Problem to work on ▸
Every line holding "IfcMemberType" should be copied from the records below.

Data ▸
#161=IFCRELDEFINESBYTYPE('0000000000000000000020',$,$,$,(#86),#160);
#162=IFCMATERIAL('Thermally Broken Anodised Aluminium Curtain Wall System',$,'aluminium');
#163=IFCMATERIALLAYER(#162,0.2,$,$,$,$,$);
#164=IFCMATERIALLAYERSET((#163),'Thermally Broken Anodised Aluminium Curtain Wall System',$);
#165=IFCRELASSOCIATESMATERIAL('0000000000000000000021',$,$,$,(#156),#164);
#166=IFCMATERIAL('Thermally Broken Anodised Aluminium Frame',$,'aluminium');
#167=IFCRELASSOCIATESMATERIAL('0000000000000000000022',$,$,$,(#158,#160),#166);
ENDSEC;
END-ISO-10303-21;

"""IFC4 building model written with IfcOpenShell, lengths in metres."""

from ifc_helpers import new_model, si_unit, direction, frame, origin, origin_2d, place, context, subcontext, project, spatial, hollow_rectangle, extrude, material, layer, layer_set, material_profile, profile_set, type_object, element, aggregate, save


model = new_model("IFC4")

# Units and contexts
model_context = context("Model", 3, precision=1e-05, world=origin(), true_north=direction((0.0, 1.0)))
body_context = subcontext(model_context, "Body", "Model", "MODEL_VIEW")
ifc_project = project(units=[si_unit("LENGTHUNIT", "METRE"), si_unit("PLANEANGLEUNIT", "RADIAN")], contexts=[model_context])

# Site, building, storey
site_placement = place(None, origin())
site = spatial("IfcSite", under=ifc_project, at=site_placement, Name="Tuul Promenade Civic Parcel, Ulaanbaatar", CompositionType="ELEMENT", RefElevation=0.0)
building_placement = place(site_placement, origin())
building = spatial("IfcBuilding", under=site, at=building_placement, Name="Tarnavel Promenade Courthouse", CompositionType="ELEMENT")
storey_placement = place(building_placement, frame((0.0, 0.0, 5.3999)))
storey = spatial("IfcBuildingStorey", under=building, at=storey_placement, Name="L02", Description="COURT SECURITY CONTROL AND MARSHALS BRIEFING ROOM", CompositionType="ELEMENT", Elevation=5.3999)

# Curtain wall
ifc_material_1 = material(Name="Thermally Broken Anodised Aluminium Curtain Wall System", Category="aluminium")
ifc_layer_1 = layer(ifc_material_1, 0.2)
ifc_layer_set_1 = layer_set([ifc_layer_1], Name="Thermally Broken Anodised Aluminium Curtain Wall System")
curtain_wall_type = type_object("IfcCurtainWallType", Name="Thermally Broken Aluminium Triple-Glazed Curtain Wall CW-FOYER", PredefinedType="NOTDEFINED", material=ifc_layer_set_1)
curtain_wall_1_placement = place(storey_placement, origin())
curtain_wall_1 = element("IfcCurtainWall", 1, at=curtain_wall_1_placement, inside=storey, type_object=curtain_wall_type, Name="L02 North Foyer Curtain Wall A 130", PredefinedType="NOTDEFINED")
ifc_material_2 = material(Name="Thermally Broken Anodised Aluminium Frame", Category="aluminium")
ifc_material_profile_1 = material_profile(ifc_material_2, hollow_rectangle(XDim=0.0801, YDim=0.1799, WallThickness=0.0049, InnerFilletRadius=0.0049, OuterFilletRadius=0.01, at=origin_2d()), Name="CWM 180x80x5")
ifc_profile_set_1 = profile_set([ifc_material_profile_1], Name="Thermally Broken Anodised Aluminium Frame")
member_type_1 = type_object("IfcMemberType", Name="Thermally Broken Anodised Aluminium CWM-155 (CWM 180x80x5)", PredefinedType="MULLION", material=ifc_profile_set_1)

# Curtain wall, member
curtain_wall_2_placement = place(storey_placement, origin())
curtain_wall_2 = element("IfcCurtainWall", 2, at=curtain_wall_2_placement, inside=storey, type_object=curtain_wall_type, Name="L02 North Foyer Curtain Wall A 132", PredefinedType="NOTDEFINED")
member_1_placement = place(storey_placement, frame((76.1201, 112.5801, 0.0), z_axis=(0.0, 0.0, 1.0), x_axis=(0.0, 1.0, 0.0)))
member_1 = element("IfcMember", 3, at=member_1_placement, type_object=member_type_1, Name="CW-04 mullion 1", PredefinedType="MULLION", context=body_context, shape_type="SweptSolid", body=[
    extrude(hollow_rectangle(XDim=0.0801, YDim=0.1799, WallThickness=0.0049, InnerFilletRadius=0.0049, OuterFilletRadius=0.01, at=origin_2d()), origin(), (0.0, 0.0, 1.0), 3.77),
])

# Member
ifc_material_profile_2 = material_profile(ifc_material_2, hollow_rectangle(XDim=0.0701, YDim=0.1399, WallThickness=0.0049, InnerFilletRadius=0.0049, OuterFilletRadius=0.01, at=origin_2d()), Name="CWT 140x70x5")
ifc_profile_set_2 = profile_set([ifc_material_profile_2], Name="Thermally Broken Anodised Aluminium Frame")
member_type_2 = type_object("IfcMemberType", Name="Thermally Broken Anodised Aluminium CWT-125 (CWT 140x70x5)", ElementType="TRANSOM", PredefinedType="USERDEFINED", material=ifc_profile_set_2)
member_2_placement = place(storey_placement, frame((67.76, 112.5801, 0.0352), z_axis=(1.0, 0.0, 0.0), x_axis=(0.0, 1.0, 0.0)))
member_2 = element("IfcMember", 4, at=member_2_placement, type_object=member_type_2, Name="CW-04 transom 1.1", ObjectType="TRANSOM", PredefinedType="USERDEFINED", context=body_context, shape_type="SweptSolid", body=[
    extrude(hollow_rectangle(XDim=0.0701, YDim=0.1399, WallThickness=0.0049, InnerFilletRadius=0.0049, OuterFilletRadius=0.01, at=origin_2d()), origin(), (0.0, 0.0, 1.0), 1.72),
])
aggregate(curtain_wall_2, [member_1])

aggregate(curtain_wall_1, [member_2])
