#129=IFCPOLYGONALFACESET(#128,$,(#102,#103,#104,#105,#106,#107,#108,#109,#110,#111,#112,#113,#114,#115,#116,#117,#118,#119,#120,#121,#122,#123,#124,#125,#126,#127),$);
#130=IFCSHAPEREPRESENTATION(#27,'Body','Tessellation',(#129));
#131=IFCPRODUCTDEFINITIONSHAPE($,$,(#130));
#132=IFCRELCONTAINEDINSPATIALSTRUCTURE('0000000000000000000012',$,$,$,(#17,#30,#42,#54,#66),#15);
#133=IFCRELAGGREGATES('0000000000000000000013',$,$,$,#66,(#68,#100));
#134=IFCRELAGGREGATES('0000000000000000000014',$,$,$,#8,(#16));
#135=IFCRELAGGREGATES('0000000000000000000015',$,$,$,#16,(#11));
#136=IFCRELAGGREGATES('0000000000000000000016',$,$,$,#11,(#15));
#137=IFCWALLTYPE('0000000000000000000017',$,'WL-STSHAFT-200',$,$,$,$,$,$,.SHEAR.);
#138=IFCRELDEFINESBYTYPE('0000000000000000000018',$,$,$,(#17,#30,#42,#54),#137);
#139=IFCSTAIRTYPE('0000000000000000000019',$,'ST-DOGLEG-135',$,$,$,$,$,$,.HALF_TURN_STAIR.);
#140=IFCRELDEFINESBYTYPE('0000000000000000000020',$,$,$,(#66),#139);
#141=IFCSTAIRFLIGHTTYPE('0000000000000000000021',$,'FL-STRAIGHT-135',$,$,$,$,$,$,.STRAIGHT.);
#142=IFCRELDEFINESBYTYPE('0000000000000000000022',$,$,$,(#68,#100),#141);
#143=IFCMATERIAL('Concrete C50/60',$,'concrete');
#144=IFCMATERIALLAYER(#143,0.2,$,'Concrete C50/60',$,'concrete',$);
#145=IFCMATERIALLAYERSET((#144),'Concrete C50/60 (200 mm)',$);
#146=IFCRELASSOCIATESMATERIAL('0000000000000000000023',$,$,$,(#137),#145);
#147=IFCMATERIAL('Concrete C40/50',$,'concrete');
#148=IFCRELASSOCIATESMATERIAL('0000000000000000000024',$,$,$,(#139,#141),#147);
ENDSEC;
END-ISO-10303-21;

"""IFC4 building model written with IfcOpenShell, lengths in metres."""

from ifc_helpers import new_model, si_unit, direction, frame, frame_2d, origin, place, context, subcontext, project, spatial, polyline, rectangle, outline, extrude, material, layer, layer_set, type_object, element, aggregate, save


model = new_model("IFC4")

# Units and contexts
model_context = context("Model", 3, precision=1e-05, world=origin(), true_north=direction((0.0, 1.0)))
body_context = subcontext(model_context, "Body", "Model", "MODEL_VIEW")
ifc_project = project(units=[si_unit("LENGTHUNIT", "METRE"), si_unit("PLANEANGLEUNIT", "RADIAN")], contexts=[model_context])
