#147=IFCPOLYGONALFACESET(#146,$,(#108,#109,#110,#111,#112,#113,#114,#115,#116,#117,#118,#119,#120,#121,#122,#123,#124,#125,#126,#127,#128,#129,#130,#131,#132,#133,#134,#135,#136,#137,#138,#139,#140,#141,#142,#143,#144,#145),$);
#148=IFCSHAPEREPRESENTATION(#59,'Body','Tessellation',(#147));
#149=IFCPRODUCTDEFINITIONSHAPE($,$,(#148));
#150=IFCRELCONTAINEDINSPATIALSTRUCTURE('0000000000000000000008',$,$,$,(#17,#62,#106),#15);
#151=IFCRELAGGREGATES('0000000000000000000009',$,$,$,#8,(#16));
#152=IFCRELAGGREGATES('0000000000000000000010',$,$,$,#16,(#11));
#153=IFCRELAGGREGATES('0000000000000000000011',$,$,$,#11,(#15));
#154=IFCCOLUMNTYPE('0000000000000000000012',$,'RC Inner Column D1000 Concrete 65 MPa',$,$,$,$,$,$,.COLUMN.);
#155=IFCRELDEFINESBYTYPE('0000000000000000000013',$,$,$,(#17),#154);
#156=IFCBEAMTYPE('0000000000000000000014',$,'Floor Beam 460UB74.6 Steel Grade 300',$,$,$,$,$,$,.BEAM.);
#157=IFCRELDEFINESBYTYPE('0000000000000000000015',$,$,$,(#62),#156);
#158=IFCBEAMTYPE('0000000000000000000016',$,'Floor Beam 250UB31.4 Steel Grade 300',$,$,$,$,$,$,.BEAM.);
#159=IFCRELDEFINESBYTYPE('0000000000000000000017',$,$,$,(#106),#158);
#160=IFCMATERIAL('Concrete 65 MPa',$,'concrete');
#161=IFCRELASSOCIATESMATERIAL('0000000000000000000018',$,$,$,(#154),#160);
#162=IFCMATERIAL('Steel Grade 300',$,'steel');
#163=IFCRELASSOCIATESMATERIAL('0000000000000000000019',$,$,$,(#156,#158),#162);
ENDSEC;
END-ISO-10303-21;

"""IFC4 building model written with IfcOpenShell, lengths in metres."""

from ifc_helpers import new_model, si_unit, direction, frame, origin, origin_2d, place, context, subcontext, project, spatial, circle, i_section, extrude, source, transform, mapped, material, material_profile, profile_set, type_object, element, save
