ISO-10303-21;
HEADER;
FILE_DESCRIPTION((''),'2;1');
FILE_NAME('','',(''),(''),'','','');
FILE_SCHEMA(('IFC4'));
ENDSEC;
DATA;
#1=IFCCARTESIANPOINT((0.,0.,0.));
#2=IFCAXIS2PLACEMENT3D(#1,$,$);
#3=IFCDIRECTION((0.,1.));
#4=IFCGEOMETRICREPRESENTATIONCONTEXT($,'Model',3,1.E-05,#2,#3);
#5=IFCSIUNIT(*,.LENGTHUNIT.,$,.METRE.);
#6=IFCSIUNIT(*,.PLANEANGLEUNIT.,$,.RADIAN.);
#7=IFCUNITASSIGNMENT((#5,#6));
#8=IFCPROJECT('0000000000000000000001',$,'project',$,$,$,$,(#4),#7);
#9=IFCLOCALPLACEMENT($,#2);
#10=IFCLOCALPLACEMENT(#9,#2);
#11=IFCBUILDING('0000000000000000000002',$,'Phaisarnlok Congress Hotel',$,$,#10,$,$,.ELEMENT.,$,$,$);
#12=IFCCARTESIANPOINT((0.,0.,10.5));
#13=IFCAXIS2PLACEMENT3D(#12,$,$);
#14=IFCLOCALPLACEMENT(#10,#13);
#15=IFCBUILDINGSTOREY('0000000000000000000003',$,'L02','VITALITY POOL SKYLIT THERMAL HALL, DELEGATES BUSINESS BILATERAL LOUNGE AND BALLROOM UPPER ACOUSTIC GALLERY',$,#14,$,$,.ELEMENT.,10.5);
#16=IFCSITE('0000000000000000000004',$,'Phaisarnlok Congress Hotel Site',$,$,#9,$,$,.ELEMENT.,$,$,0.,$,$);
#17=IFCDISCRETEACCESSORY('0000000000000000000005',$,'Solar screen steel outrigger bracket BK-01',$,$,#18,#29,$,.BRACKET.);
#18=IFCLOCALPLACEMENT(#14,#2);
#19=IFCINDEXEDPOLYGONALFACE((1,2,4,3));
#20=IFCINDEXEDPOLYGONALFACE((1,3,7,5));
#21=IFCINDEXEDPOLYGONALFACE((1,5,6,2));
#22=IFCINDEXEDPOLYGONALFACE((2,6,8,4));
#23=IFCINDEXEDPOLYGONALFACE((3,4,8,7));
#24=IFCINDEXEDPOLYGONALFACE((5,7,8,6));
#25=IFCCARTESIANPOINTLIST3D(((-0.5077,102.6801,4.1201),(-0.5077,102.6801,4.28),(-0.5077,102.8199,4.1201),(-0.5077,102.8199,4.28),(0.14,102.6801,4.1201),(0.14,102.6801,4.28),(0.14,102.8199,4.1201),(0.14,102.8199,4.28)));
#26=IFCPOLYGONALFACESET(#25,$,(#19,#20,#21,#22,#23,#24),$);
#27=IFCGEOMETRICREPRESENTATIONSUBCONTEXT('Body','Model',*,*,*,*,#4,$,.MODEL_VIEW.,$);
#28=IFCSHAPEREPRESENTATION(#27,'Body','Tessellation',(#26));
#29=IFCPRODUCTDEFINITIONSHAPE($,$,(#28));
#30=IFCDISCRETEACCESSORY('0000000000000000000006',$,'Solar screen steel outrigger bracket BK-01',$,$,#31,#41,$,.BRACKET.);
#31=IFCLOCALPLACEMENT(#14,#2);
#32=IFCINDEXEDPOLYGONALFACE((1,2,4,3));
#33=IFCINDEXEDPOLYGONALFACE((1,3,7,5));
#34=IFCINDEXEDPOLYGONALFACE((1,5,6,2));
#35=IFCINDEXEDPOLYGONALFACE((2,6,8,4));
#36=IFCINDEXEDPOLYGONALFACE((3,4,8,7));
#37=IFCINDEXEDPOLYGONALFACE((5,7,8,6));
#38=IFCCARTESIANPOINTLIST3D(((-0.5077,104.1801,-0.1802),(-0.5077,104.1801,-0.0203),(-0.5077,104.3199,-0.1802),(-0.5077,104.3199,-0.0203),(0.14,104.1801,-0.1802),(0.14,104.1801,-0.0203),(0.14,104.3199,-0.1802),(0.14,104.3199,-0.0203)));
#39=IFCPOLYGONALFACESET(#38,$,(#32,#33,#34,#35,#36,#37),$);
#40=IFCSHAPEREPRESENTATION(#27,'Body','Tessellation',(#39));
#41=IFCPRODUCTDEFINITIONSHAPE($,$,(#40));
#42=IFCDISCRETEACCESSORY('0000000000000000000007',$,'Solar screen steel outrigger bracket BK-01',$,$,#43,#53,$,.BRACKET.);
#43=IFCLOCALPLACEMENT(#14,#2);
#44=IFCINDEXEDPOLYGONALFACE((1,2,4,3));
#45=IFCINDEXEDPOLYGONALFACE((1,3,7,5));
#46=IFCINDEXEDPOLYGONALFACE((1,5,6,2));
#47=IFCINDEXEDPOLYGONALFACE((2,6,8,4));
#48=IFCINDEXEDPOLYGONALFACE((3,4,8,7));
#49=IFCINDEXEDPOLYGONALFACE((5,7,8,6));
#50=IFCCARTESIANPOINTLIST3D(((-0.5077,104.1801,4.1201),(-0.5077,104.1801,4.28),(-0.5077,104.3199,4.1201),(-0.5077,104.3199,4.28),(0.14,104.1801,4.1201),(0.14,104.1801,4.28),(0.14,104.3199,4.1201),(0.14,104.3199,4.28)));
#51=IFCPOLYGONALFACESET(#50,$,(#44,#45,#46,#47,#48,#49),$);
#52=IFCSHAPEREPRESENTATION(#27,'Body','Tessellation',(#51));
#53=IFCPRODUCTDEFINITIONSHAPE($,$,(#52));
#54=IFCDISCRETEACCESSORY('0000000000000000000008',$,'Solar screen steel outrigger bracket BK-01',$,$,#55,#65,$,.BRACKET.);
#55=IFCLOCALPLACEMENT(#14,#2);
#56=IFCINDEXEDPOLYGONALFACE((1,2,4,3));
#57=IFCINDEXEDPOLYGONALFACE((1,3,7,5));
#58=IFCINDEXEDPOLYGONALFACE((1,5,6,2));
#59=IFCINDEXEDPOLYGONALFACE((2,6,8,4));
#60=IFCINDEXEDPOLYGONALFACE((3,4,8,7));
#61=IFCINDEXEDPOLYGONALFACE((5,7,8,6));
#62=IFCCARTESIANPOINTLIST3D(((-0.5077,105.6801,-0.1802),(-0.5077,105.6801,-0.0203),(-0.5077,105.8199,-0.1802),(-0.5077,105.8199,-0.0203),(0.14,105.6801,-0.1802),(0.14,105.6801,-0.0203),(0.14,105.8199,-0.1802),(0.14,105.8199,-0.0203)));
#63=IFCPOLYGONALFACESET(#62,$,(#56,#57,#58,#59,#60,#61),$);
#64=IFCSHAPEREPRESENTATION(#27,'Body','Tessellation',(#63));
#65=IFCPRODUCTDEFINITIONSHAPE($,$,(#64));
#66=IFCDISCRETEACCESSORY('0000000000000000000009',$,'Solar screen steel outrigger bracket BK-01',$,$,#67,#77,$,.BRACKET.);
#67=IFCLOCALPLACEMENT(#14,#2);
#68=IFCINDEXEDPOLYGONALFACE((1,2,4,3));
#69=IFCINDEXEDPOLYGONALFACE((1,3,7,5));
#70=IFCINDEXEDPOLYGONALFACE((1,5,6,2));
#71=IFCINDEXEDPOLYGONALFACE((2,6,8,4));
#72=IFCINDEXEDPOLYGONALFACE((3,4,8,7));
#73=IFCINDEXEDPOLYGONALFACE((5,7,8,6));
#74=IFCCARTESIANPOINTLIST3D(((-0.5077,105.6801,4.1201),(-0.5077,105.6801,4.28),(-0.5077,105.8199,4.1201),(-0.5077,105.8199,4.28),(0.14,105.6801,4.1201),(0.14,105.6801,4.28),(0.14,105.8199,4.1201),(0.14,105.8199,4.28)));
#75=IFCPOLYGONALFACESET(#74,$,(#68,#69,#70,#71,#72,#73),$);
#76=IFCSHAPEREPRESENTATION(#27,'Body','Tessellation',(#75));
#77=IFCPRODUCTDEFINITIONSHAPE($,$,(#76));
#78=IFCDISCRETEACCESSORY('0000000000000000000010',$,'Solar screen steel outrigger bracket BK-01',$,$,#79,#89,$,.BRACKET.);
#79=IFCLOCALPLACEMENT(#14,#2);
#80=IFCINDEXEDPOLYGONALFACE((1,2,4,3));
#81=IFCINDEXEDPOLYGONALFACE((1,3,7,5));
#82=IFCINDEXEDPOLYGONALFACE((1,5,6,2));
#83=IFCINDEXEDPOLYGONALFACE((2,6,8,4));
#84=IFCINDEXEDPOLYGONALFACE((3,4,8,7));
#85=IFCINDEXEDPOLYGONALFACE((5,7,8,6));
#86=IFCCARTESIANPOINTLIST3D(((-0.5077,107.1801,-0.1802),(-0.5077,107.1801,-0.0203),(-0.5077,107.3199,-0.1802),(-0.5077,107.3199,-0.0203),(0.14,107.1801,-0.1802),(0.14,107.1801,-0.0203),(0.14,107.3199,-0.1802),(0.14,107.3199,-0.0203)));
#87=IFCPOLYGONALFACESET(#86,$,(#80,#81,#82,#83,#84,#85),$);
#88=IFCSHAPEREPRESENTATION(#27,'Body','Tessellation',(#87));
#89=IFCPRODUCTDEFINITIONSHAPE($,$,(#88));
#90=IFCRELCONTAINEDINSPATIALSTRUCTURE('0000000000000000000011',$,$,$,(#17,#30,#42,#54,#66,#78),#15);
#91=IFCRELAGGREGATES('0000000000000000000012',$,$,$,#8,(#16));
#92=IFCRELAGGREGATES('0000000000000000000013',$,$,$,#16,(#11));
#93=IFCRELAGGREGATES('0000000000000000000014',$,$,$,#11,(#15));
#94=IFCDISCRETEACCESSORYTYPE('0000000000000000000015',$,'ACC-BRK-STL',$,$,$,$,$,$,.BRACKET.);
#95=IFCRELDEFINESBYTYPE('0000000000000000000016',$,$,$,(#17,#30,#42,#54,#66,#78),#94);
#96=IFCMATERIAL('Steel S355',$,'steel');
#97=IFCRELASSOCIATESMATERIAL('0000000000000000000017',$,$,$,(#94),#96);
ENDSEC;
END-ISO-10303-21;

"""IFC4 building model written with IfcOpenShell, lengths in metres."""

from ifc_helpers import new_model, si_unit, direction, frame, origin, origin_2d, place, context, subcontext, project, spatial, rectangle, extrude, material, type_object, element, save


model = new_model("IFC4")

# Units and contexts
model_context = context("Model", 3, precision=1e-05, world=origin(), true_north=direction((0.0, 1.0)))
body_context = subcontext(model_context, "Body", "Model", "MODEL_VIEW")
ifc_project = project(units=[si_unit("LENGTHUNIT", "METRE"), si_unit("PLANEANGLEUNIT", "RADIAN")], contexts=[model_context])

# Site, building, storey
site_placement = place(None, origin())
site = spatial("IfcSite", under=ifc_project, at=site_placement, Name="Phaisarnlok Congress Hotel Site", CompositionType="ELEMENT", RefElevation=0.0)
building_placement = place(site_placement, origin())
building = spatial("IfcBuilding", under=site, at=building_placement, Name="Phaisarnlok Congress Hotel", CompositionType="ELEMENT")
storey_placement = place(building_placement, frame((0.0, 0.0, 10.5)))
storey = spatial("IfcBuildingStorey", under=building, at=storey_placement, Name="L02", Description="VITALITY POOL SKYLIT THERMAL HALL, DELEGATES BUSINESS BILATERAL LOUNGE AND BALLROOM UPPER ACOUSTIC GALLERY", CompositionType="ELEMENT", Elevation=10.5)

# Discrete accessories
ifc_material_1 = material(Name="Steel S355", Category="steel")
discrete_accessory_type = type_object("IfcDiscreteAccessoryType", Name="ACC-BRK-STL", PredefinedType="BRACKET", material=ifc_material_1)
for number, where, z_axis, x_axis, name in (
    (1, (-0.1838, 102.75, 4.1201), (0.0, 0.0, 1.0), (1.0, 0.0, 0.0), "Solar screen steel outrigger bracket BK-01"),
    (2, (-0.1838, 104.25, -0.1802), (0.0, 0.0, 1.0), (1.0, 0.0, 0.0), "Solar screen steel outrigger bracket BK-01"),
    (3, (-0.1838, 104.25, 4.1201), (0.0, 0.0, 1.0), (1.0, 0.0, 0.0), "Solar screen steel outrigger bracket BK-01"),
    (4, (-0.1838, 105.75, -0.1802), (0.0, 0.0, 1.0), (1.0, 0.0, 0.0), "Solar screen steel outrigger bracket BK-01"),
    (5, (-0.1838, 105.75, 4.1201), (0.0, 0.0, 1.0), (1.0, 0.0, 0.0), "Solar screen steel outrigger bracket BK-01"),
    (6, (-0.1838, 107.25, -0.1802), (0.0, 0.0, 1.0), (1.0, 0.0, 0.0), "Solar screen steel outrigger bracket BK-01"),
):
    element("IfcDiscreteAccessory", number, at=place(storey_placement, frame(where, z_axis=z_axis, x_axis=x_axis)), inside=storey, type_object=discrete_accessory_type, Name=name, PredefinedType="BRACKET", context=body_context, shape_type="SweptSolid", body=[
        extrude(rectangle(XDim=0.6477, YDim=0.1399, at=origin_2d()), origin(), (0.0, 0.0, 1.0), 0.1599),
    ])

save(model, "model.ifc")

The answer ▸
member_type_1 = type_object("IfcMemberType", Name="Thermally Broken Anodised Aluminium CWM-155 (CWM 180x80x5)", PredefinedType="MULLION", material=ifc_profile_set_1)
member_type_2 = type_object("IfcMemberType", Name="Thermally Broken Anodised Aluminium CWT-125 (CWT 140x70x5)", ElementType="TRANSOM", PredefinedType="USERDEFINED", material=ifc_profile_set_2)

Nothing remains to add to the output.